> TASK STATEMENT:
Return each line exactly as written. Begin with the first line of the entries and end with the line that has "solar brise-soleil L04-41',$,$,#119,#129,$,.JALOUSIE.);".
/---
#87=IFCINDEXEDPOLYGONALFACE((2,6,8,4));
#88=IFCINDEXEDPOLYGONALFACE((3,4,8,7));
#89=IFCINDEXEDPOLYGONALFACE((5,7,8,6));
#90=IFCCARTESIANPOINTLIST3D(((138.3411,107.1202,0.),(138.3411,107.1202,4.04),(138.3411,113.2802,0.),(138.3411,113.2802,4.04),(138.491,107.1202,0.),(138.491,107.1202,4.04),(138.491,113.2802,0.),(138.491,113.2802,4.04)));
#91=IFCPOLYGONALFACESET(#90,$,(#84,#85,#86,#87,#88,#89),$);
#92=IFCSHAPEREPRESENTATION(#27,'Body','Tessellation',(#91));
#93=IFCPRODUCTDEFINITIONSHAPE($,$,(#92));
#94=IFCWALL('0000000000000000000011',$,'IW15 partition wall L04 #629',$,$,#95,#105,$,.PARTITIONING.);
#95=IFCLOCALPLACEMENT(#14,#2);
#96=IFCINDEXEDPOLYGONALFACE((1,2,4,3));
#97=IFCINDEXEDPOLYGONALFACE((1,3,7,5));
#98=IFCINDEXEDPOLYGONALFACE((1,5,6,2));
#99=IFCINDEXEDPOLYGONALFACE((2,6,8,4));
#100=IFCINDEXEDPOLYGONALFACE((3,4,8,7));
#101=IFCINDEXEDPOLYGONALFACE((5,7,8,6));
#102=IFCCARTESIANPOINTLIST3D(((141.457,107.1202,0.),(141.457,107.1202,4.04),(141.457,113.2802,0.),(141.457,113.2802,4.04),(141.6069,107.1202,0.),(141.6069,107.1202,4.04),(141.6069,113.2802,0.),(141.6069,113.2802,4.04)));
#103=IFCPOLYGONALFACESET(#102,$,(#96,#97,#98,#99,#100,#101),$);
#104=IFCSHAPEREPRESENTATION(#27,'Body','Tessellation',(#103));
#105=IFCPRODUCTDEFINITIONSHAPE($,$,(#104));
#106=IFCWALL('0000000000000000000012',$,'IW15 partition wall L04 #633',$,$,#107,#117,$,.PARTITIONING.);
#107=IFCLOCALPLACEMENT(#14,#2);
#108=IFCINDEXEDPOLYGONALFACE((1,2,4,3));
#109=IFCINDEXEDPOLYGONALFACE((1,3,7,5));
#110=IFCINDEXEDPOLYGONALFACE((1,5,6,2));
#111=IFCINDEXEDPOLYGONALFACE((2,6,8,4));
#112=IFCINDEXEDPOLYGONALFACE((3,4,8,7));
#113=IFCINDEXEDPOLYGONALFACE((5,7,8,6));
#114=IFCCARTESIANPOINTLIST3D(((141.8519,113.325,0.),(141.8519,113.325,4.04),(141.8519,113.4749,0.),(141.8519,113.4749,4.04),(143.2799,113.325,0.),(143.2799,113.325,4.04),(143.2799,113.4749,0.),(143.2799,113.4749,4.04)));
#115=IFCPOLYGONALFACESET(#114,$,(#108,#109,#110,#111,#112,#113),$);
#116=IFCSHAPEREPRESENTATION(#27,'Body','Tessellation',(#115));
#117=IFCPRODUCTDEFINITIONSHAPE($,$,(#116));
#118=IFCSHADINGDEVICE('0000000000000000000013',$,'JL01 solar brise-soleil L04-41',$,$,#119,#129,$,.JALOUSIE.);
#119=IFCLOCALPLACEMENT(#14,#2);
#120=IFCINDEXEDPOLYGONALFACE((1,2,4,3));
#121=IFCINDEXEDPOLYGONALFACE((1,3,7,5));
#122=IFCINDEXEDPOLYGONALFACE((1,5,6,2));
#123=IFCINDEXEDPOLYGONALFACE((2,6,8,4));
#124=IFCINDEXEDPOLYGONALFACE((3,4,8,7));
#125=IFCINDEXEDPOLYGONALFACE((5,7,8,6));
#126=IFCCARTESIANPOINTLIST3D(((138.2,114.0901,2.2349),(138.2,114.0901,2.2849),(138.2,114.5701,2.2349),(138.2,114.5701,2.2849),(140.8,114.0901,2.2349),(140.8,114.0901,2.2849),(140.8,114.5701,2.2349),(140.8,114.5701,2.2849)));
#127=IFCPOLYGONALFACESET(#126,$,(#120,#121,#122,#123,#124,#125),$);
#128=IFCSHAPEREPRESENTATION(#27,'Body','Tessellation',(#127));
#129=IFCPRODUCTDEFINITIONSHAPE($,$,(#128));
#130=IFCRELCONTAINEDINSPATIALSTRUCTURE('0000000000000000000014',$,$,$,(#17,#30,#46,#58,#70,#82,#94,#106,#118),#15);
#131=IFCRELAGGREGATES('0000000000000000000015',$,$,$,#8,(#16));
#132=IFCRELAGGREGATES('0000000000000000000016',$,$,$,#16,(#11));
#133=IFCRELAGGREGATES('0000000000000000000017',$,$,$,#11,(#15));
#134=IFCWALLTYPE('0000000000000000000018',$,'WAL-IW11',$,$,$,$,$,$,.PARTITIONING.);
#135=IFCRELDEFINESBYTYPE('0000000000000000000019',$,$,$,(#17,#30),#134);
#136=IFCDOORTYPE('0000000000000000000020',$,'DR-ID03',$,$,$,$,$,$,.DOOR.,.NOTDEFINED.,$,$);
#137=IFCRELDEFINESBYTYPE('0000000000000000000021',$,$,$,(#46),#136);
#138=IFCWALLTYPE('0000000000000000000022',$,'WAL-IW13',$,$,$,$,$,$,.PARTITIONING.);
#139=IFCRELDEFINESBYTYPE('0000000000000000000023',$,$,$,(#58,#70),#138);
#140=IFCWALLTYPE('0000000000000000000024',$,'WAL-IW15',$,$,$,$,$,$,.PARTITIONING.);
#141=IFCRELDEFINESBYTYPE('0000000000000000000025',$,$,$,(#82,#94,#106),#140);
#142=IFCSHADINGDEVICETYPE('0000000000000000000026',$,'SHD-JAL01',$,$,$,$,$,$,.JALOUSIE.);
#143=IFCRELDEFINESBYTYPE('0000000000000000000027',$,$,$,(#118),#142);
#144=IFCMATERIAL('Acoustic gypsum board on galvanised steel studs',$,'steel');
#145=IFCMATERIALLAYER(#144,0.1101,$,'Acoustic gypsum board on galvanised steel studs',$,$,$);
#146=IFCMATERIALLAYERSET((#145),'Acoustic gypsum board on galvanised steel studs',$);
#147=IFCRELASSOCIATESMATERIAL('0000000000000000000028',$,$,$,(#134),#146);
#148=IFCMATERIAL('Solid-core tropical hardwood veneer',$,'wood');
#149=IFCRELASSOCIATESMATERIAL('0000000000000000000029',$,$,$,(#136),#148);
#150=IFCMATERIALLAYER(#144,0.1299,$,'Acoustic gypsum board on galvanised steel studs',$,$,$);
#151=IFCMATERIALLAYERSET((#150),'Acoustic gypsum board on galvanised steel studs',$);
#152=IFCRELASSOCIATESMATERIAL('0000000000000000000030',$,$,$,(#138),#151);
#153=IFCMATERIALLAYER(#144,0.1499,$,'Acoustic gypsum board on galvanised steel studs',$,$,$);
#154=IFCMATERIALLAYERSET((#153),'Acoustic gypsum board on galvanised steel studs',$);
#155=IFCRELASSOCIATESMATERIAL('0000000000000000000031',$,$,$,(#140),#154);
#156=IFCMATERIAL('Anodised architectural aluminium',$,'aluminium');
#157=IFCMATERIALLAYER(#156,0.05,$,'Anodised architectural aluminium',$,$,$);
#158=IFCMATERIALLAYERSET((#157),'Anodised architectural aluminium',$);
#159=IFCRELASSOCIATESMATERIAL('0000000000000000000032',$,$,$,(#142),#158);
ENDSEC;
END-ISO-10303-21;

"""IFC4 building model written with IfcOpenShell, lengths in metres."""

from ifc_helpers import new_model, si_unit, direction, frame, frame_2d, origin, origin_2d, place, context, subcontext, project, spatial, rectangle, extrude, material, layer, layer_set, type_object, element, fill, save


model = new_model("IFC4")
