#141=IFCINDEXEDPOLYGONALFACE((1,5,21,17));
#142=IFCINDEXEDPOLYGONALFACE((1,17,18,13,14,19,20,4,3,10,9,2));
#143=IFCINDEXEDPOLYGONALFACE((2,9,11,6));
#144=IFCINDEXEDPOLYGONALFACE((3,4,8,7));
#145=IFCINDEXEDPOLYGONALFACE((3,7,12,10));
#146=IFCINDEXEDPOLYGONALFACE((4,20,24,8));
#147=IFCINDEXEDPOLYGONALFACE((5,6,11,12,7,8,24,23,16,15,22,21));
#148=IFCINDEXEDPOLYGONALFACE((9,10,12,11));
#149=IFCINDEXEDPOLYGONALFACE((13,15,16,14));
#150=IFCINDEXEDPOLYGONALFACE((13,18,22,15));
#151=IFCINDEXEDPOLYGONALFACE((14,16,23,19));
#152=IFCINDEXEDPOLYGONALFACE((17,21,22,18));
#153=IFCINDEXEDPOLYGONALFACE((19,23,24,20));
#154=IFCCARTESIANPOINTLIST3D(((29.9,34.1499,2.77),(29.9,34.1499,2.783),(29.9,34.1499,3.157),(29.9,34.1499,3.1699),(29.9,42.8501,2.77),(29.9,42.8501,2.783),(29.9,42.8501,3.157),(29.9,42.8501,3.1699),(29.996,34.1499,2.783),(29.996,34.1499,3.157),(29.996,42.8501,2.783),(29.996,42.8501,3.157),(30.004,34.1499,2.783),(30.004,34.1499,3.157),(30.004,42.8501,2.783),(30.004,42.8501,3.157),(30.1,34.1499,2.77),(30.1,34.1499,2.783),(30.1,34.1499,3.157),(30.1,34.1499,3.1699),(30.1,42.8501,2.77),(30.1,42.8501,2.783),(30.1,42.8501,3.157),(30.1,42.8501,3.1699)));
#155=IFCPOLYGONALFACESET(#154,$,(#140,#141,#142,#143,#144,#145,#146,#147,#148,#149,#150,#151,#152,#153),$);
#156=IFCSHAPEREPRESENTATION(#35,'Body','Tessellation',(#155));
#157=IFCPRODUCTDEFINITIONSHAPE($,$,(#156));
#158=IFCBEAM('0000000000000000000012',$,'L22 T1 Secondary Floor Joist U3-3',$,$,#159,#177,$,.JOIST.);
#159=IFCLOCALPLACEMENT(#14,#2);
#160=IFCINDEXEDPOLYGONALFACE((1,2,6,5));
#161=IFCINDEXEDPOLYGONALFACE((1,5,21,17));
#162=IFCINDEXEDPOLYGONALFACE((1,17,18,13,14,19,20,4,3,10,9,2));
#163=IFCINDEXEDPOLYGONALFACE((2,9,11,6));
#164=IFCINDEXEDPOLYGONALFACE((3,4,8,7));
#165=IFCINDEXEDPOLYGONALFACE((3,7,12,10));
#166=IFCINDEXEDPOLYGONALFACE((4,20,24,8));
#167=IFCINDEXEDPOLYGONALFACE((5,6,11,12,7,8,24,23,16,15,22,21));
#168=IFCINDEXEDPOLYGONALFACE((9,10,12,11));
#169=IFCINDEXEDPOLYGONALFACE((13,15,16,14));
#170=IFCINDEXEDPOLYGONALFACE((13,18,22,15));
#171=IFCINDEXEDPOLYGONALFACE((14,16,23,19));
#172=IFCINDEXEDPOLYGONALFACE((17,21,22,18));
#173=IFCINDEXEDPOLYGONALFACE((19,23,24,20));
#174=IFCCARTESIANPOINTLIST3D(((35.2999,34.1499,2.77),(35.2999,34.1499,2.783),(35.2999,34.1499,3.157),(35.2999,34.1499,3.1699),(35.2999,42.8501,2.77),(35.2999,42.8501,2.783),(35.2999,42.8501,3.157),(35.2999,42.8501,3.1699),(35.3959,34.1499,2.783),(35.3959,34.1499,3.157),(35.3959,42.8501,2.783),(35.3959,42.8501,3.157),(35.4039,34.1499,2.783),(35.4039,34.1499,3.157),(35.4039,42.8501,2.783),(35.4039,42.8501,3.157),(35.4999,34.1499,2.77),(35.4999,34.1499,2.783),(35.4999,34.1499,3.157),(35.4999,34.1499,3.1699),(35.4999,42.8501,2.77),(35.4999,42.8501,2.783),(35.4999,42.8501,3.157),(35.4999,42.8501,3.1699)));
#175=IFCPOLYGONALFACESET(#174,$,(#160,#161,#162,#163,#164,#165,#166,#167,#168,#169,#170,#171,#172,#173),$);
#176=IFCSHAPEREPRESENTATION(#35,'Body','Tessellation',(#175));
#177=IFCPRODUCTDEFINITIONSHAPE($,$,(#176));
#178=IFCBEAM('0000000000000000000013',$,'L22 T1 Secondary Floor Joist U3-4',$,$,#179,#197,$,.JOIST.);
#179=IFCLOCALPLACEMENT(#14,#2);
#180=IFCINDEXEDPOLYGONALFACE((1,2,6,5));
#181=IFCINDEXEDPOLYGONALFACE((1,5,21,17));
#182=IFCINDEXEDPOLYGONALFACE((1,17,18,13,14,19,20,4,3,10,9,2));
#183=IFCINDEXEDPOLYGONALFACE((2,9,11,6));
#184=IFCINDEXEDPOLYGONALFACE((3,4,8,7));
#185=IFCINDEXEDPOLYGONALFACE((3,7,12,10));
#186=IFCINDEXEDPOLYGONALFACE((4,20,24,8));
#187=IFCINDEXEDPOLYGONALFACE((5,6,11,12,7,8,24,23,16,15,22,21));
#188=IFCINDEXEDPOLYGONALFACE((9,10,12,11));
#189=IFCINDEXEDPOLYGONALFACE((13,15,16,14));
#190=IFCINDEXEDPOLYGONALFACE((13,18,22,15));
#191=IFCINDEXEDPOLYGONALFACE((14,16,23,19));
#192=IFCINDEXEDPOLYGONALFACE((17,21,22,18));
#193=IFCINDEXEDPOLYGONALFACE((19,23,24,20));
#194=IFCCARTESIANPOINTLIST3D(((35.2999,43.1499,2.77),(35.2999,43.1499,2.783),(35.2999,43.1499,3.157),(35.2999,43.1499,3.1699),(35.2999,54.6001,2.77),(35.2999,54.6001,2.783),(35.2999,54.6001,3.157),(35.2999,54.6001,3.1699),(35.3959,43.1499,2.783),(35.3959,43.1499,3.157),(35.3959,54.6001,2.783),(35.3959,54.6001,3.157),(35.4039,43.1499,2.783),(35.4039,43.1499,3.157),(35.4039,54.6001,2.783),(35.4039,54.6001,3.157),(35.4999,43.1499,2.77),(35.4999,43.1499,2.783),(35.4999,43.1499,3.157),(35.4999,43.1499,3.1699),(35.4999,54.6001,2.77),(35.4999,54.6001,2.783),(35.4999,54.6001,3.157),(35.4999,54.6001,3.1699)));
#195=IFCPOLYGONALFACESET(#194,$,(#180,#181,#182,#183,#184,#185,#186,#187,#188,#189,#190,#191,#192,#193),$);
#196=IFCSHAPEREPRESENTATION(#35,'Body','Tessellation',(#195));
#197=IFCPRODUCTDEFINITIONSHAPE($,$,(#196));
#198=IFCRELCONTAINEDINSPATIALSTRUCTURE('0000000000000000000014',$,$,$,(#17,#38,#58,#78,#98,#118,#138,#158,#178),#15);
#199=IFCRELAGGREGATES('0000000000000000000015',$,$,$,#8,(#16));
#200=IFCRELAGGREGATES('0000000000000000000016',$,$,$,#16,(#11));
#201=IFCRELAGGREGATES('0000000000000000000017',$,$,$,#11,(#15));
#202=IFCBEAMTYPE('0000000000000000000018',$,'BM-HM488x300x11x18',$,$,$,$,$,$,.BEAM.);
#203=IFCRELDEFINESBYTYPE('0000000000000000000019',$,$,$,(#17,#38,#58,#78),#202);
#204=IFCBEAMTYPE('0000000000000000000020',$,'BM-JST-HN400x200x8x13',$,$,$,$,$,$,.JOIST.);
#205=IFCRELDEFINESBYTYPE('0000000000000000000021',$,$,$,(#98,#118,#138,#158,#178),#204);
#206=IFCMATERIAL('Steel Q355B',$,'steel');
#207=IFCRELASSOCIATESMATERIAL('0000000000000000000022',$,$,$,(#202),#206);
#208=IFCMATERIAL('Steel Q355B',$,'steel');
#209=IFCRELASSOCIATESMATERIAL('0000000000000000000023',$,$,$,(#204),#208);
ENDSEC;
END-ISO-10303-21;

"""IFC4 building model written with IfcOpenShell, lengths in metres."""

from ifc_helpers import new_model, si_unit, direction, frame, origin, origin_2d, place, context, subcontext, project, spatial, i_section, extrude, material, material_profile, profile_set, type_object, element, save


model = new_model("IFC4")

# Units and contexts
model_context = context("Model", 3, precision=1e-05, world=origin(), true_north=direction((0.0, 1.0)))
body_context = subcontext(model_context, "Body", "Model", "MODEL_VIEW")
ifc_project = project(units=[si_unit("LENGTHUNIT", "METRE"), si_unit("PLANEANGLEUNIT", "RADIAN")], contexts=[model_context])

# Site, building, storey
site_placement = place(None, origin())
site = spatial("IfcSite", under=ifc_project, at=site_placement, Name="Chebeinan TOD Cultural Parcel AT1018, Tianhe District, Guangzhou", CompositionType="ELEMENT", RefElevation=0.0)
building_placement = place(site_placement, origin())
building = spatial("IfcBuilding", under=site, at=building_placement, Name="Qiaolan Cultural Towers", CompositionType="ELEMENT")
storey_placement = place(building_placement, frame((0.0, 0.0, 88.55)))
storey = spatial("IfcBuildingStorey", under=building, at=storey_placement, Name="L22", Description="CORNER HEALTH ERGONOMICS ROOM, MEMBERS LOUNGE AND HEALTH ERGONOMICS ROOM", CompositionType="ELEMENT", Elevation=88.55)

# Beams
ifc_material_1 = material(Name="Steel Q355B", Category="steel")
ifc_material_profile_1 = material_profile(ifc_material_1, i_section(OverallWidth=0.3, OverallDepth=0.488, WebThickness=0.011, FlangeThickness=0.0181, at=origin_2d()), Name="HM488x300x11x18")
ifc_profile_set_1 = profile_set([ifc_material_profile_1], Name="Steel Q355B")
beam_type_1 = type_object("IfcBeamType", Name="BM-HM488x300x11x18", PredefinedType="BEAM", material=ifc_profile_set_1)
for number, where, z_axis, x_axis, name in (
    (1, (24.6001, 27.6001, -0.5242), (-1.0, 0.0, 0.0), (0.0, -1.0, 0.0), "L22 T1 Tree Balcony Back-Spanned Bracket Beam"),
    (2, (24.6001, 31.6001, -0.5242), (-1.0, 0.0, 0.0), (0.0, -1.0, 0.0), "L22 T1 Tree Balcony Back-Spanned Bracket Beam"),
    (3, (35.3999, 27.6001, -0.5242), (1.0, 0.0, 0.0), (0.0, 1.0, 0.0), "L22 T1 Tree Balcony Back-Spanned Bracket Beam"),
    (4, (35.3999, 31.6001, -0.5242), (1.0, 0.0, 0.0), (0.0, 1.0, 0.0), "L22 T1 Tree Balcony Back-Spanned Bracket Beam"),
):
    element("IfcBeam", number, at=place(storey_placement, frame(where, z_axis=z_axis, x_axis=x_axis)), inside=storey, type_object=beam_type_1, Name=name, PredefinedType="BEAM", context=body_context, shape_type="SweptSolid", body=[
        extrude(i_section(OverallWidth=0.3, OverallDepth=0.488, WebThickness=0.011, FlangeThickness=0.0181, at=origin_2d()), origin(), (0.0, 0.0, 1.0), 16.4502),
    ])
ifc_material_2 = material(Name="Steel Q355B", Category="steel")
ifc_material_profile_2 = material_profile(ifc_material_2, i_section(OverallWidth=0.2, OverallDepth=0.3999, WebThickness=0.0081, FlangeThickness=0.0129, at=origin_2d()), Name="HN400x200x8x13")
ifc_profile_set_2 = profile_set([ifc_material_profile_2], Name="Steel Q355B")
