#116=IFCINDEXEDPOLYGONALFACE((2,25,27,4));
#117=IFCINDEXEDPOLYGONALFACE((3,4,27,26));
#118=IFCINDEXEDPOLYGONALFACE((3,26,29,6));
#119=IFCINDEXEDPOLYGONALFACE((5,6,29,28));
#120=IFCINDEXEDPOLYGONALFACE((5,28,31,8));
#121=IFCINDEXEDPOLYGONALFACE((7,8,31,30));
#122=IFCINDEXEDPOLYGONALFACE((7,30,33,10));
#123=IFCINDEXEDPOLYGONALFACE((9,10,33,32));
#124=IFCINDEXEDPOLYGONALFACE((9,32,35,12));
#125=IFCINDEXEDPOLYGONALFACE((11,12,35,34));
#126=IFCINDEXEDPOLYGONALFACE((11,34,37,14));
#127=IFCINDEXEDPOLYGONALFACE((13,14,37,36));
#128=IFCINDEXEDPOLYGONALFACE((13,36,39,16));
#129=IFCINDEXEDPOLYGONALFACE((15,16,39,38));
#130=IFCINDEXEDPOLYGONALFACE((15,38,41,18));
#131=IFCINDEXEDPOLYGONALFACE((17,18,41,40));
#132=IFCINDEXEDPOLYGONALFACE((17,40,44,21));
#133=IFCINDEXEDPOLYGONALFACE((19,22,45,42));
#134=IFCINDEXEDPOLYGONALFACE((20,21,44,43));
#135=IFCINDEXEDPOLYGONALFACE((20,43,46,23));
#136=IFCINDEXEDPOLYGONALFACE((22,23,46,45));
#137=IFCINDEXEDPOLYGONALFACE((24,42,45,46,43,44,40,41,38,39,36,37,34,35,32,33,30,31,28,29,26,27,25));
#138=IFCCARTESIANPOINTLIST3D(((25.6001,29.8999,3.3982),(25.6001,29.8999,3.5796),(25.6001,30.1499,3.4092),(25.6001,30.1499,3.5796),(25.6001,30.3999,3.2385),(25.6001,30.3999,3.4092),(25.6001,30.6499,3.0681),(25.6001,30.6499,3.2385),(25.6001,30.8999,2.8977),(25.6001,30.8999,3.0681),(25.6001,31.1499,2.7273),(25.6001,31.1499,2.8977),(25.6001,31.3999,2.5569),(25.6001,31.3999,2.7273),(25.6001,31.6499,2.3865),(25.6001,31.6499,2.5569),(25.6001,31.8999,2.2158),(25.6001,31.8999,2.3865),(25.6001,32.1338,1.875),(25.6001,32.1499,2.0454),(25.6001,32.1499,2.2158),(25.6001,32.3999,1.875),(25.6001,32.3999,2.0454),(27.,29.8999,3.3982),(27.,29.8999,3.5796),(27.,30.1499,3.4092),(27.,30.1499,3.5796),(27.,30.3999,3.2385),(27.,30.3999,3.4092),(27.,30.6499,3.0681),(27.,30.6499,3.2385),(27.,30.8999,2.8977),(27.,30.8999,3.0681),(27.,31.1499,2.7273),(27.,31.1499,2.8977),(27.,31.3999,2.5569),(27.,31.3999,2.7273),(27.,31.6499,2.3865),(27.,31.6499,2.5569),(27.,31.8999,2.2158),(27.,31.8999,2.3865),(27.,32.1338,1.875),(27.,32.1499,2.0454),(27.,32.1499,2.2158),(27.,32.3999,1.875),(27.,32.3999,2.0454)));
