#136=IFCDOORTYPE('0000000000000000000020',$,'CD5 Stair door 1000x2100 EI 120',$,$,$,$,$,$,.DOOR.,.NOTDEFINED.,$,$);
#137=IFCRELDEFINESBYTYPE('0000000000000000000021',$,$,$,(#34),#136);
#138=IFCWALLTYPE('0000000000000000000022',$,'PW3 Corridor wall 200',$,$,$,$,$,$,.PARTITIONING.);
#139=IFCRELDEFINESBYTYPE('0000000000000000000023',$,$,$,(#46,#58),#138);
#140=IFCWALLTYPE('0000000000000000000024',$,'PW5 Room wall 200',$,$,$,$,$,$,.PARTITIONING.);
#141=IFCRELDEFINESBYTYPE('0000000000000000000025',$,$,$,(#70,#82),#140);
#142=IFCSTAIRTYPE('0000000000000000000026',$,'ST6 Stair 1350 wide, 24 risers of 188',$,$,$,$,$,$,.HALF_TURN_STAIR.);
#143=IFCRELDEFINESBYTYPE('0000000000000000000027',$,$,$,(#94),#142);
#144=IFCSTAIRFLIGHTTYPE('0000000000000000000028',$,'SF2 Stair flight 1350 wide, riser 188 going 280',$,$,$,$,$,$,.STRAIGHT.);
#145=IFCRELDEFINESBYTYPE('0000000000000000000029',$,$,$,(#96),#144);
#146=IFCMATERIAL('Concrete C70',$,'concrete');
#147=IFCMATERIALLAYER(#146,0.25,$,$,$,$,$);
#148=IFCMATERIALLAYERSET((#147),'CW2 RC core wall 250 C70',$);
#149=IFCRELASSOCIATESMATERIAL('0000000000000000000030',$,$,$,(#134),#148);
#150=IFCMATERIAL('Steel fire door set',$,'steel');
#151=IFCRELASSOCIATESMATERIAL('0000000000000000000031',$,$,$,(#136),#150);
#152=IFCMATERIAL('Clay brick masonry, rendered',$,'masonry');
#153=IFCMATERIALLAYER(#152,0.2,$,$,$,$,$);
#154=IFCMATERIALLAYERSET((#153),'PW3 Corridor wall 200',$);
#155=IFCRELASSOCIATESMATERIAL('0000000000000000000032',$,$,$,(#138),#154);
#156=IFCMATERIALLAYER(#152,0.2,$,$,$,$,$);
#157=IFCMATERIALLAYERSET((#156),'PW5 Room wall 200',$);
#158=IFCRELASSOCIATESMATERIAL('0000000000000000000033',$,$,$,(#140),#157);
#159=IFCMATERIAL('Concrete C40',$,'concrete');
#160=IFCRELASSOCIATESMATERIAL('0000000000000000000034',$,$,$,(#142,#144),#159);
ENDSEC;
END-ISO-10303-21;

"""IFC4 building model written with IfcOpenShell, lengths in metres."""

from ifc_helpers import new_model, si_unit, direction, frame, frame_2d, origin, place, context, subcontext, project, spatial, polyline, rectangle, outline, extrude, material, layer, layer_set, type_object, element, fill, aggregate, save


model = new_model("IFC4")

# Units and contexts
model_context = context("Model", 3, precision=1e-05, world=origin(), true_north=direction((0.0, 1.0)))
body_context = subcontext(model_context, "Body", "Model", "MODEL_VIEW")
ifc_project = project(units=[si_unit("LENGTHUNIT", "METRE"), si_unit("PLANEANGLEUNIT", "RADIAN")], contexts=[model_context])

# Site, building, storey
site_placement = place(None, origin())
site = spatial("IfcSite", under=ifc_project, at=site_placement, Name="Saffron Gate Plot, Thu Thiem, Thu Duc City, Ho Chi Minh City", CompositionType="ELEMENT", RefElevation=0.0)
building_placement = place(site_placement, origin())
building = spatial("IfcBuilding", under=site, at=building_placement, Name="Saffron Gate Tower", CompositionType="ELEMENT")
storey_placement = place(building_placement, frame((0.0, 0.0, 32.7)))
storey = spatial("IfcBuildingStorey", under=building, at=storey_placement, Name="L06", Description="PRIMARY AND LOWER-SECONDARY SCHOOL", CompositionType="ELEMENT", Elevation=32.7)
\---
> ANSWER BELOW:
#87=IFCINDEXEDPOLYGONALFACE((2,6,8,4));
#88=IFCINDEXEDPOLYGONALFACE((3,4,8,7));
#89=IFCINDEXEDPOLYGONALFACE((5,7,8,6));
#90=IFCCARTESIANPOINTLIST3D(((138.3411,107.1202,0.),(138.3411,107.1202,4.04),(138.3411,113.2802,0.),(138.3411,113.2802,4.04),(138.491,107.1202,0.),(138.491,107.1202,4.04),(138.491,113.2802,0.),(138.491,113.2802,4.04)));
#91=IFCPOLYGONALFACESET(#90,$,(#84,#85,#86,#87,#88,#89),$);
#92=IFCSHAPEREPRESENTATION(#27,'Body','Tessellation',(#91));
#93=IFCPRODUCTDEFINITIONSHAPE($,$,(#92));
#94=IFCWALL('0000000000000000000011',$,'IW15 partition wall L04 #629',$,$,#95,#105,$,.PARTITIONING.);
#95=IFCLOCALPLACEMENT(#14,#2);
#96=IFCINDEXEDPOLYGONALFACE((1,2,4,3));
#97=IFCINDEXEDPOLYGONALFACE((1,3,7,5));
#98=IFCINDEXEDPOLYGONALFACE((1,5,6,2));
#99=IFCINDEXEDPOLYGONALFACE((2,6,8,4));
#100=IFCINDEXEDPOLYGONALFACE((3,4,8,7));
#101=IFCINDEXEDPOLYGONALFACE((5,7,8,6));
#102=IFCCARTESIANPOINTLIST3D(((141.457,107.1202,0.),(141.457,107.1202,4.04),(141.457,113.2802,0.),(141.457,113.2802,4.04),(141.6069,107.1202,0.),(141.6069,107.1202,4.04),(141.6069,113.2802,0.),(141.6069,113.2802,4.04)));
#103=IFCPOLYGONALFACESET(#102,$,(#96,#97,#98,#99,#100,#101),$);
#104=IFCSHAPEREPRESENTATION(#27,'Body','Tessellation',(#103));
#105=IFCPRODUCTDEFINITIONSHAPE($,$,(#104));
#106=IFCWALL('0000000000000000000012',$,'IW15 partition wall L04 #633',$,$,#107,#117,$,.PARTITIONING.);
#107=IFCLOCALPLACEMENT(#14,#2);
#108=IFCINDEXEDPOLYGONALFACE((1,2,4,3));
#109=IFCINDEXEDPOLYGONALFACE((1,3,7,5));
#110=IFCINDEXEDPOLYGONALFACE((1,5,6,2));
#111=IFCINDEXEDPOLYGONALFACE((2,6,8,4));
#112=IFCINDEXEDPOLYGONALFACE((3,4,8,7));
#113=IFCINDEXEDPOLYGONALFACE((5,7,8,6));
#114=IFCCARTESIANPOINTLIST3D(((141.8519,113.325,0.),(141.8519,113.325,4.04),(141.8519,113.4749,0.),(141.8519,113.4749,4.04),(143.2799,113.325,0.),(143.2799,113.325,4.04),(143.2799,113.4749,0.),(143.2799,113.4749,4.04)));
#115=IFCPOLYGONALFACESET(#114,$,(#108,#109,#110,#111,#112,#113),$);
#116=IFCSHAPEREPRESENTATION(#27,'Body','Tessellation',(#115));
#117=IFCPRODUCTDEFINITIONSHAPE($,$,(#116));
#118=IFCSHADINGDEVICE('0000000000000000000013',$,'JL01 solar brise-soleil L04-41',$,$,#119,#129,$,.JALOUSIE.);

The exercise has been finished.